_REQUIRED ACTION_. Please show all lines of the records that include "IFCPRODUCTDEFINITIONSHAPE".

------------------------------------------------------------

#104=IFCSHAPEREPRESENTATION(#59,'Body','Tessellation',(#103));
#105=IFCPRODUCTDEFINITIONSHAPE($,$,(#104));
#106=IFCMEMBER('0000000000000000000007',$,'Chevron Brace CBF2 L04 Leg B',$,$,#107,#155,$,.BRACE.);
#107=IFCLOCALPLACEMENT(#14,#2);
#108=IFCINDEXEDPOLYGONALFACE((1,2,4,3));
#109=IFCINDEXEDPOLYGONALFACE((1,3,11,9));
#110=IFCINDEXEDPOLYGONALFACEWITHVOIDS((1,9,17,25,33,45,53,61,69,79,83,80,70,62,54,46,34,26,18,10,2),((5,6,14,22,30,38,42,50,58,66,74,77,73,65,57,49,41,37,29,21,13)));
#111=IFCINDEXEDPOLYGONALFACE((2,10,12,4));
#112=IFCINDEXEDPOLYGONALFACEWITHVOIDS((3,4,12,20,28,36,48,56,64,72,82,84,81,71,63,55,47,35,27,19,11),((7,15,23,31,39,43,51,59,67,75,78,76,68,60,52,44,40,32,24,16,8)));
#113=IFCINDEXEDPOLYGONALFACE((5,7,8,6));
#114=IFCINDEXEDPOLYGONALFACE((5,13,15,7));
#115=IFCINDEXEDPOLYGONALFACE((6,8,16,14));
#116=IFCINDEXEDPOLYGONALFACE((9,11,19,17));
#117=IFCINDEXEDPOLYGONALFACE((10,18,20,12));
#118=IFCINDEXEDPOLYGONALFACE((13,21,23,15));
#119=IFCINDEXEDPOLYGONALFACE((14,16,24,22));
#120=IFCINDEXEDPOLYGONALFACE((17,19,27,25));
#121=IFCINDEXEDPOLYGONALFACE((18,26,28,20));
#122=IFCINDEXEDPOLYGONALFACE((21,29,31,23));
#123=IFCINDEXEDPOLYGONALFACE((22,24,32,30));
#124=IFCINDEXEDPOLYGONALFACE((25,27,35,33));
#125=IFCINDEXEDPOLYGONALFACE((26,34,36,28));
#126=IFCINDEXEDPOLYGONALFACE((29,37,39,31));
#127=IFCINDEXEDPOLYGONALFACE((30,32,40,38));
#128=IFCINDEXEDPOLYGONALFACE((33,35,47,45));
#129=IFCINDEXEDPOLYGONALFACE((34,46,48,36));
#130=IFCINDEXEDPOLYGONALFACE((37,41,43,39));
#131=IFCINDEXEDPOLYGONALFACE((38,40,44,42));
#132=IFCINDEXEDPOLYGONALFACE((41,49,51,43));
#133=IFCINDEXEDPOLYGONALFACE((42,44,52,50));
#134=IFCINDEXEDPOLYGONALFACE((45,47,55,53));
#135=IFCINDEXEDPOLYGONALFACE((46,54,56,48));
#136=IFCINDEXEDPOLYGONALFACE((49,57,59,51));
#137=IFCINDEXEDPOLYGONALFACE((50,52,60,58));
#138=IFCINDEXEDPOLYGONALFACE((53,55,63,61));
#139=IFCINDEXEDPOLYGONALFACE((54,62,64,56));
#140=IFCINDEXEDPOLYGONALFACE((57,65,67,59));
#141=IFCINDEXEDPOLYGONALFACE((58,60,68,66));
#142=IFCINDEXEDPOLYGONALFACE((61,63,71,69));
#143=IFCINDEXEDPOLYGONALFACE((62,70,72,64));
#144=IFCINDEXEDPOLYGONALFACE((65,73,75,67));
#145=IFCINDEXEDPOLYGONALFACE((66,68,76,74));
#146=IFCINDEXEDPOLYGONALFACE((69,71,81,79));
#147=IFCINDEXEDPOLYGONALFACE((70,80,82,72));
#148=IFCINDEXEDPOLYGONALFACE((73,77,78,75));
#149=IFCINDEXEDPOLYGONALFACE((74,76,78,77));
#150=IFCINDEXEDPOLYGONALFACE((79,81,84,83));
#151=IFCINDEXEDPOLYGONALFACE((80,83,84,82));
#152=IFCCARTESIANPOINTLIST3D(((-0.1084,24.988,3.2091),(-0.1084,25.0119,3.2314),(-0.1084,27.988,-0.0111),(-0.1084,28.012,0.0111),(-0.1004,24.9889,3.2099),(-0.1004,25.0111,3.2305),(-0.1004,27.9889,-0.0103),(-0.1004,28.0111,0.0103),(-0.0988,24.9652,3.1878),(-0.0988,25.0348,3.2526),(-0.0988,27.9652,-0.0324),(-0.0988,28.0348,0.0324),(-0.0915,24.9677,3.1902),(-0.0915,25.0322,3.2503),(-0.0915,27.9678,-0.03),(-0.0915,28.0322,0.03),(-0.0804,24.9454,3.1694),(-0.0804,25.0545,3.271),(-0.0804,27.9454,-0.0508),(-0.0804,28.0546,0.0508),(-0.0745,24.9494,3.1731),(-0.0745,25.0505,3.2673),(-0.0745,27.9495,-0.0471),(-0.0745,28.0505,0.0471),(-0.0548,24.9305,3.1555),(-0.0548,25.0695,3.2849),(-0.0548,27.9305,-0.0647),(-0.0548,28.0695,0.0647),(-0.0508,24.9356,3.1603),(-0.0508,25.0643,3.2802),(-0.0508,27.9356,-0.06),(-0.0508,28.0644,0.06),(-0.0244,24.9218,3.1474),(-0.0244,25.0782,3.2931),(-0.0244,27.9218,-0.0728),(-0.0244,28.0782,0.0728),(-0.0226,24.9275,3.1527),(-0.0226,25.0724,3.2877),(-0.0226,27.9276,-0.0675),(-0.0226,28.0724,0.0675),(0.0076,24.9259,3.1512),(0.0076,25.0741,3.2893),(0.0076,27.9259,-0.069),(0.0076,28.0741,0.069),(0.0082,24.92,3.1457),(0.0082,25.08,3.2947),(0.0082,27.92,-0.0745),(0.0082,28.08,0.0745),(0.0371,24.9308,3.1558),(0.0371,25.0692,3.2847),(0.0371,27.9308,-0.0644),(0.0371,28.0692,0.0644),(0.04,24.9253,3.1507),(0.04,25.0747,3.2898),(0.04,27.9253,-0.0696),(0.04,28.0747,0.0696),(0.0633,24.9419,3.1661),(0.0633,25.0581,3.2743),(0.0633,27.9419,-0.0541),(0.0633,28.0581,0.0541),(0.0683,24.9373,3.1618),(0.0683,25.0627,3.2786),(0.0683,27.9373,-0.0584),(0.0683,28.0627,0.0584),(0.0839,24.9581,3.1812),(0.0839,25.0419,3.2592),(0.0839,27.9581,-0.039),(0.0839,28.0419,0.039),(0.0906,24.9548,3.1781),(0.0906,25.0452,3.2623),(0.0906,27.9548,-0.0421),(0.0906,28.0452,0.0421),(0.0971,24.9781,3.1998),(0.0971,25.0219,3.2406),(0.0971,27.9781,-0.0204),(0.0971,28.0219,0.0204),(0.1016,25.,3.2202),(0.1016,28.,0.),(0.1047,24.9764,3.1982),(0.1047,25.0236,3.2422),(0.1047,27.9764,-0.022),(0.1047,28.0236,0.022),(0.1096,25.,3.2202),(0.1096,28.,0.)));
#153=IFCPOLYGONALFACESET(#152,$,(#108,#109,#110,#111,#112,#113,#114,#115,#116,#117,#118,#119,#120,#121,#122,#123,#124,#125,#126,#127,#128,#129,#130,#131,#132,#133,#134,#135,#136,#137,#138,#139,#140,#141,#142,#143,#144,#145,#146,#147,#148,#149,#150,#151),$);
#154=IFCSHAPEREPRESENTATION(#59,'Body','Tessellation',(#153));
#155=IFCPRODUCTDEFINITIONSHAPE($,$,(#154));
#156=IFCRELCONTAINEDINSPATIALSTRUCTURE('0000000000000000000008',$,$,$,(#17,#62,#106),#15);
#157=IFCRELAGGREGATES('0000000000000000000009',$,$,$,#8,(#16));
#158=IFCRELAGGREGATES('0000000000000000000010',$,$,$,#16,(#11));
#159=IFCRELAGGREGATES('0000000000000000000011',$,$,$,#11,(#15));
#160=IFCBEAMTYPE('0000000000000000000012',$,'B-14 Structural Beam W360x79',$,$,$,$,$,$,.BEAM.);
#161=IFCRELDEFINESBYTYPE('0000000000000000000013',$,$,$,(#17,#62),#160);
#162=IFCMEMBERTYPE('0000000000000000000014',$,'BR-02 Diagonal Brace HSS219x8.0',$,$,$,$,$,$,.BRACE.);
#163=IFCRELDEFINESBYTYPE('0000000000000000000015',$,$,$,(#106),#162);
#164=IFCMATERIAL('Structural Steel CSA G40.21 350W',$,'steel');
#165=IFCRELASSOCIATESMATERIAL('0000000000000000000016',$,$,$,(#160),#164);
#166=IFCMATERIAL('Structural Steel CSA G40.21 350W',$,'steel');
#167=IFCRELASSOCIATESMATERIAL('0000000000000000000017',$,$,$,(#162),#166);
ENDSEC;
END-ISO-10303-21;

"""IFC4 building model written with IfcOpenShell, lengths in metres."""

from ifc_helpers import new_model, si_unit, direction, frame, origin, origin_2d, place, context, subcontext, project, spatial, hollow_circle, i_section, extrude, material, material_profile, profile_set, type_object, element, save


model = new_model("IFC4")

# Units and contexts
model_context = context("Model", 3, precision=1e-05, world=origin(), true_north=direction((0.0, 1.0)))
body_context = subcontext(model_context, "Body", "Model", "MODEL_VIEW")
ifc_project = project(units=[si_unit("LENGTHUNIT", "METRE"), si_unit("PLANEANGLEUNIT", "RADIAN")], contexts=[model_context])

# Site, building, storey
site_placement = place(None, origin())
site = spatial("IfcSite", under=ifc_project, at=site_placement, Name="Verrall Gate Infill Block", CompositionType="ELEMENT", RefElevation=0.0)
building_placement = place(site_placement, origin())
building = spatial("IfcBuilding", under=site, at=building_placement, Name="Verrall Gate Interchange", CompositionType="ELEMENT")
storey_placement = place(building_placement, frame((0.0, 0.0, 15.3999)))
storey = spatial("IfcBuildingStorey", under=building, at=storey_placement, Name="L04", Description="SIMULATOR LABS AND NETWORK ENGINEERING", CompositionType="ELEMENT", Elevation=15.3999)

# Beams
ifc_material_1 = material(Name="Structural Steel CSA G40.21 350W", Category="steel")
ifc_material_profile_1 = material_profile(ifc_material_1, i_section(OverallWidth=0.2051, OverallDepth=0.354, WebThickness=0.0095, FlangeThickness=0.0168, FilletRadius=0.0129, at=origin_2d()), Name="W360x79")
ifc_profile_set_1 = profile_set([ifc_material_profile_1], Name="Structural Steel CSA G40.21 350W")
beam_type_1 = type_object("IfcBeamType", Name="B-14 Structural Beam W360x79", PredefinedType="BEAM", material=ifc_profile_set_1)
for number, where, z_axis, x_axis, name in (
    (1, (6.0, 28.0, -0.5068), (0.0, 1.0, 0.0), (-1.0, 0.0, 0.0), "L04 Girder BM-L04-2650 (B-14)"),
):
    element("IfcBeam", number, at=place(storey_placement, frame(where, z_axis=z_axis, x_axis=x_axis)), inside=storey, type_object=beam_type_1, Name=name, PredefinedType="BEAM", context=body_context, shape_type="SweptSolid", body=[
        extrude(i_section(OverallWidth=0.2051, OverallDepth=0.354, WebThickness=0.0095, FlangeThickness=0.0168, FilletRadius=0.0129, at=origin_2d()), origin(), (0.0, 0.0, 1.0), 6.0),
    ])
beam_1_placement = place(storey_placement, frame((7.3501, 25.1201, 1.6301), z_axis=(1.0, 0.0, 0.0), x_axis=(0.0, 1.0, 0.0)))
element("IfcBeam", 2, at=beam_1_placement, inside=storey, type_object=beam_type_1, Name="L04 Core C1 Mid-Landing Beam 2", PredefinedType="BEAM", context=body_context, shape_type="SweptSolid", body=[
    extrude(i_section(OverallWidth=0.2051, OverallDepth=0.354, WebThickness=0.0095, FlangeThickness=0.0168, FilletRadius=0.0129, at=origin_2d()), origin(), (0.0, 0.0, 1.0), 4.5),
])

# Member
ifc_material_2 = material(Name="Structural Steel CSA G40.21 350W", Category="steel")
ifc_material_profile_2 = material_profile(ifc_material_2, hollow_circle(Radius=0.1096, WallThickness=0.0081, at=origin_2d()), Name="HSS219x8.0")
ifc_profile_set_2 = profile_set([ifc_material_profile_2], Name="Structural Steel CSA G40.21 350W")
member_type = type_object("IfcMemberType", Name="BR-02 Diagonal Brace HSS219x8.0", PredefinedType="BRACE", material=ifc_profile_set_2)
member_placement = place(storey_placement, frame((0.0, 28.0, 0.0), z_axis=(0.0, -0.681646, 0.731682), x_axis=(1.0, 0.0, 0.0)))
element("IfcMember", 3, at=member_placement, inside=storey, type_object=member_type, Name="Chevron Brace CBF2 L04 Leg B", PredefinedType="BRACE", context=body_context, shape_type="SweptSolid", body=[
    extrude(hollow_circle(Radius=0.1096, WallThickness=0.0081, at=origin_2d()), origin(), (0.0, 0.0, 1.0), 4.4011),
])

------------------------------------------------------------

_OUTPUT FOR THIS EXERCISE_.
#105=IFCPRODUCTDEFINITIONSHAPE($,$,(#104));
#155=IFCPRODUCTDEFINITIONSHAPE($,$,(#154));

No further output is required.